YOUR GOAL » Starting at the first line of the data below, write out each line exactly until you reach the line containing "#14=IFCLOCALPLACEMENT(#10,#13);", and include that line too.

Stored items
::::

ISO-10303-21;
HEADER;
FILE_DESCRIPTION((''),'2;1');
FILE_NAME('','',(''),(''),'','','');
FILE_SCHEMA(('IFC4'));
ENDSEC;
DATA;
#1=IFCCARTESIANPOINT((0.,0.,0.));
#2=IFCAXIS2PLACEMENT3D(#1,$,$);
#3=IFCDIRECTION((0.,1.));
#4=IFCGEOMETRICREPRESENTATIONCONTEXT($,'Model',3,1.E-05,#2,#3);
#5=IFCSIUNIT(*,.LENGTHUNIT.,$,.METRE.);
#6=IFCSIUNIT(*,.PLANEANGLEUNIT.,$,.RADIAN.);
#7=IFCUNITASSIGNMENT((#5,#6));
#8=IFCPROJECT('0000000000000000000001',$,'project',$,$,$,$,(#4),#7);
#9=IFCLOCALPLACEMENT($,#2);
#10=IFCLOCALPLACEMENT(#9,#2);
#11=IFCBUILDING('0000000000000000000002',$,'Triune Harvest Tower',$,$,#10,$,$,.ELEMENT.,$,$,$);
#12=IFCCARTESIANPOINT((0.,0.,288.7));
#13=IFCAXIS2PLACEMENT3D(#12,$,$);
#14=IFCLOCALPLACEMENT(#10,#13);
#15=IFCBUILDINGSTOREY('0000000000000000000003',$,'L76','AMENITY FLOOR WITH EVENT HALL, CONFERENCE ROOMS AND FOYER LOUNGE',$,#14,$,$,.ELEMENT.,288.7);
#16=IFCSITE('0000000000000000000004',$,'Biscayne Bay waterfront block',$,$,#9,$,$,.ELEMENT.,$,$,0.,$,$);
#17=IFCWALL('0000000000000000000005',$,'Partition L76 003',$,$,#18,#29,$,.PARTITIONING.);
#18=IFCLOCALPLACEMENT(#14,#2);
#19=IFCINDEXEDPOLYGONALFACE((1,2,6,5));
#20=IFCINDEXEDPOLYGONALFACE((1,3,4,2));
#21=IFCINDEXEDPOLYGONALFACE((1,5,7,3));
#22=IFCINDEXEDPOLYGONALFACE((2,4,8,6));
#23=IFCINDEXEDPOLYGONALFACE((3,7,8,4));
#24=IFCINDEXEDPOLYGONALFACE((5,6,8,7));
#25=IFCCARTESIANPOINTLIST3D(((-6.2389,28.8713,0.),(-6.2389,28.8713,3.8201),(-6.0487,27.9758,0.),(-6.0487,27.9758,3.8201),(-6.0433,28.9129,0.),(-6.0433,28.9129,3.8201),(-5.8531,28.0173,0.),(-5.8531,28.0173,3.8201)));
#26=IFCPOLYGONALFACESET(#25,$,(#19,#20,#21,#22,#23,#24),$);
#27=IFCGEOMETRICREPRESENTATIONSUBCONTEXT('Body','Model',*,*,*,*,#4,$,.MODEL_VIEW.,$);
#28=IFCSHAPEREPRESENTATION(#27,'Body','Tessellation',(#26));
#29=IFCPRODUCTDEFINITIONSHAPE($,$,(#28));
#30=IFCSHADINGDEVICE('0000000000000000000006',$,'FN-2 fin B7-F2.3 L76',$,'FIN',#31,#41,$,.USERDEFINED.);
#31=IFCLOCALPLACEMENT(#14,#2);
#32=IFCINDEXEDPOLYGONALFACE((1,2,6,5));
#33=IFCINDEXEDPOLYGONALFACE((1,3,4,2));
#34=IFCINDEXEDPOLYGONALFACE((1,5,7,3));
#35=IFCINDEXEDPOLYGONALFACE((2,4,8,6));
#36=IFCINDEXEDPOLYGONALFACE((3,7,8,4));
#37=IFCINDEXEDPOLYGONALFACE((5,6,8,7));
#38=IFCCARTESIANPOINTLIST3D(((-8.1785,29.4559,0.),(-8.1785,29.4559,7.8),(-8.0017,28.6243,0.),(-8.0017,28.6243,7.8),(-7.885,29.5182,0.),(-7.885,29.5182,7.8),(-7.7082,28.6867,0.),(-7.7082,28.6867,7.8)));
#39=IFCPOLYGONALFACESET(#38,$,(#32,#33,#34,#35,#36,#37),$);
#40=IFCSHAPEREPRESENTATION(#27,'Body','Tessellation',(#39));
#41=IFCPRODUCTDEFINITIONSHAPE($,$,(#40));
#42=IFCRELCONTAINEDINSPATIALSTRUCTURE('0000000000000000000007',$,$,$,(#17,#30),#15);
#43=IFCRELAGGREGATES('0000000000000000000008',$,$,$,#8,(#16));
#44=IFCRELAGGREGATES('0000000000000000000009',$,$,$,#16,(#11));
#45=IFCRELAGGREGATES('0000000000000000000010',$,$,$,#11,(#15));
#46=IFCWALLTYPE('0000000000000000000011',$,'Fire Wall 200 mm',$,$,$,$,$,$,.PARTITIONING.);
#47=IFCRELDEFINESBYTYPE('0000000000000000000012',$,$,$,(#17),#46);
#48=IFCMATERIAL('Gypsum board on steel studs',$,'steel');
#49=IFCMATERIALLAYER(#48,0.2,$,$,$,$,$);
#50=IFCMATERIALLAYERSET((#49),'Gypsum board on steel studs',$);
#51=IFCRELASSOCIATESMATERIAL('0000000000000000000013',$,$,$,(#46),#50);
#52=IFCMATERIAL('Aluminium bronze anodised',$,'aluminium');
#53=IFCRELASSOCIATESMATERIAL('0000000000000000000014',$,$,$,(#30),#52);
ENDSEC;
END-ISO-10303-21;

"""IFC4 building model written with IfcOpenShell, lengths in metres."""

from ifc_helpers import new_model, si_unit, direction, frame, frame_2d, origin, origin_2d, place, context, subcontext, project, spatial, rectangle, extrude, source, transform, mapped, material, layer, layer_set, type_object, element, save


model = new_model("IFC4")

# Units and contexts
model_context = context("Model", 3, precision=1e-05, world=origin(), true_north=direction((0.0, 1.0)))
body_context = subcontext(model_context, "Body", "Model", "MODEL_VIEW")
ifc_project = project(units=[si_unit("LENGTHUNIT", "METRE"), si_unit("PLANEANGLEUNIT", "RADIAN")], contexts=[model_context])

# Site, building, storey
site_placement = place(None, origin())
site = spatial("IfcSite", under=ifc_project, at=site_placement, Name="Biscayne Bay waterfront block", CompositionType="ELEMENT", RefElevation=0.0)
building_placement = place(site_placement, origin())
building = spatial("IfcBuilding", under=site, at=building_placement, Name="Triune Harvest Tower", CompositionType="ELEMENT")
storey_placement = place(building_placement, frame((0.0, 0.0, 288.7)))
storey = spatial("IfcBuildingStorey", under=building, at=storey_placement, Name="L76", Description="AMENITY FLOOR WITH EVENT HALL, CONFERENCE ROOMS AND FOYER LOUNGE", CompositionType="ELEMENT", Elevation=288.7)

# Wall
ifc_material_1 = material(Name="Gypsum board on steel studs", Category="steel")
ifc_layer_1 = layer(ifc_material_1, 0.2)
ifc_layer_set_1 = layer_set([ifc_layer_1], Name="Gypsum board on steel studs")
wall_type_1 = type_object("IfcWallType", Name="Fire Wall 200 mm", PredefinedType="PARTITIONING", material=ifc_layer_set_1)
shared_shape_1 = source(origin(), body_context, "Body", "SweptSolid", [
    extrude(rectangle(XDim=0.9155, YDim=0.2, at=frame_2d((0.4578, 0.0))), origin(), (0.0, 0.0, 1.0), 3.8201),
])
wall_1_placement = place(storey_placement, frame((-6.1411, 28.8921, 0.0), z_axis=(0.0, 0.0, 1.0), x_axis=(0.207744, -0.978183, 0.0)))
element("IfcWall", 1, at=wall_1_placement, inside=storey, type_object=wall_type_1, Name="Partition L76 003", PredefinedType="PARTITIONING", context=body_context, shape_type="MappedRepresentation", body=[
    mapped(shared_shape_1, transform((0.0, 0.0, 0.0), scale=1.0)),
])

# Shading device
ifc_material_2 = material(Name="Aluminium bronze anodised", Category="aluminium")
shared_shape_2 = source(origin(), body_context, "Body", "SweptSolid", [
    extrude(rectangle(XDim=0.3, YDim=0.8501, at=origin_2d()), origin(), (0.0, 0.0, 1.0), 7.8),
])
shading_device_placement = place(storey_placement, frame((-7.9434, 29.0713, 0.0), z_axis=(0.0, 0.0, 1.0), x_axis=(-0.978149, -0.207905, 0.0)))
element("IfcShadingDevice", 2, at=shading_device_placement, inside=storey, material=ifc_material_2, Name="FN-2 fin B7-F2.3 L76", ObjectType="FIN", PredefinedType="USERDEFINED", context=body_context, shape_type="MappedRepresentation", body=[
    mapped(shared_shape_2, transform((0.0, 0.0, 0.0), scale=1.0)),
])

save(model, "model.ifc")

::::

WRITTEN SOLUTION »
ISO-10303-21;
HEADER;
FILE_DESCRIPTION((''),'2;1');
FILE_NAME('','',(''),(''),'','','');
FILE_SCHEMA(('IFC4'));
ENDSEC;
DATA;
#1=IFCCARTESIANPOINT((0.,0.,0.));
#2=IFCAXIS2PLACEMENT3D(#1,$,$);
#3=IFCDIRECTION((0.,1.));
#4=IFCGEOMETRICREPRESENTATIONCONTEXT($,'Model',3,1.E-05,#2,#3);
#5=IFCSIUNIT(*,.LENGTHUNIT.,$,.METRE.);
#6=IFCSIUNIT(*,.PLANEANGLEUNIT.,$,.RADIAN.);
#7=IFCUNITASSIGNMENT((#5,#6));
#8=IFCPROJECT('0000000000000000000001',$,'project',$,$,$,$,(#4),#7);
#9=IFCLOCALPLACEMENT($,#2);
#10=IFCLOCALPLACEMENT(#9,#2);
#11=IFCBUILDING('0000000000000000000002',$,'Triune Harvest Tower',$,$,#10,$,$,.ELEMENT.,$,$,$);
#12=IFCCARTESIANPOINT((0.,0.,288.7));
#13=IFCAXIS2PLACEMENT3D(#12,$,$);
#14=IFCLOCALPLACEMENT(#10,#13);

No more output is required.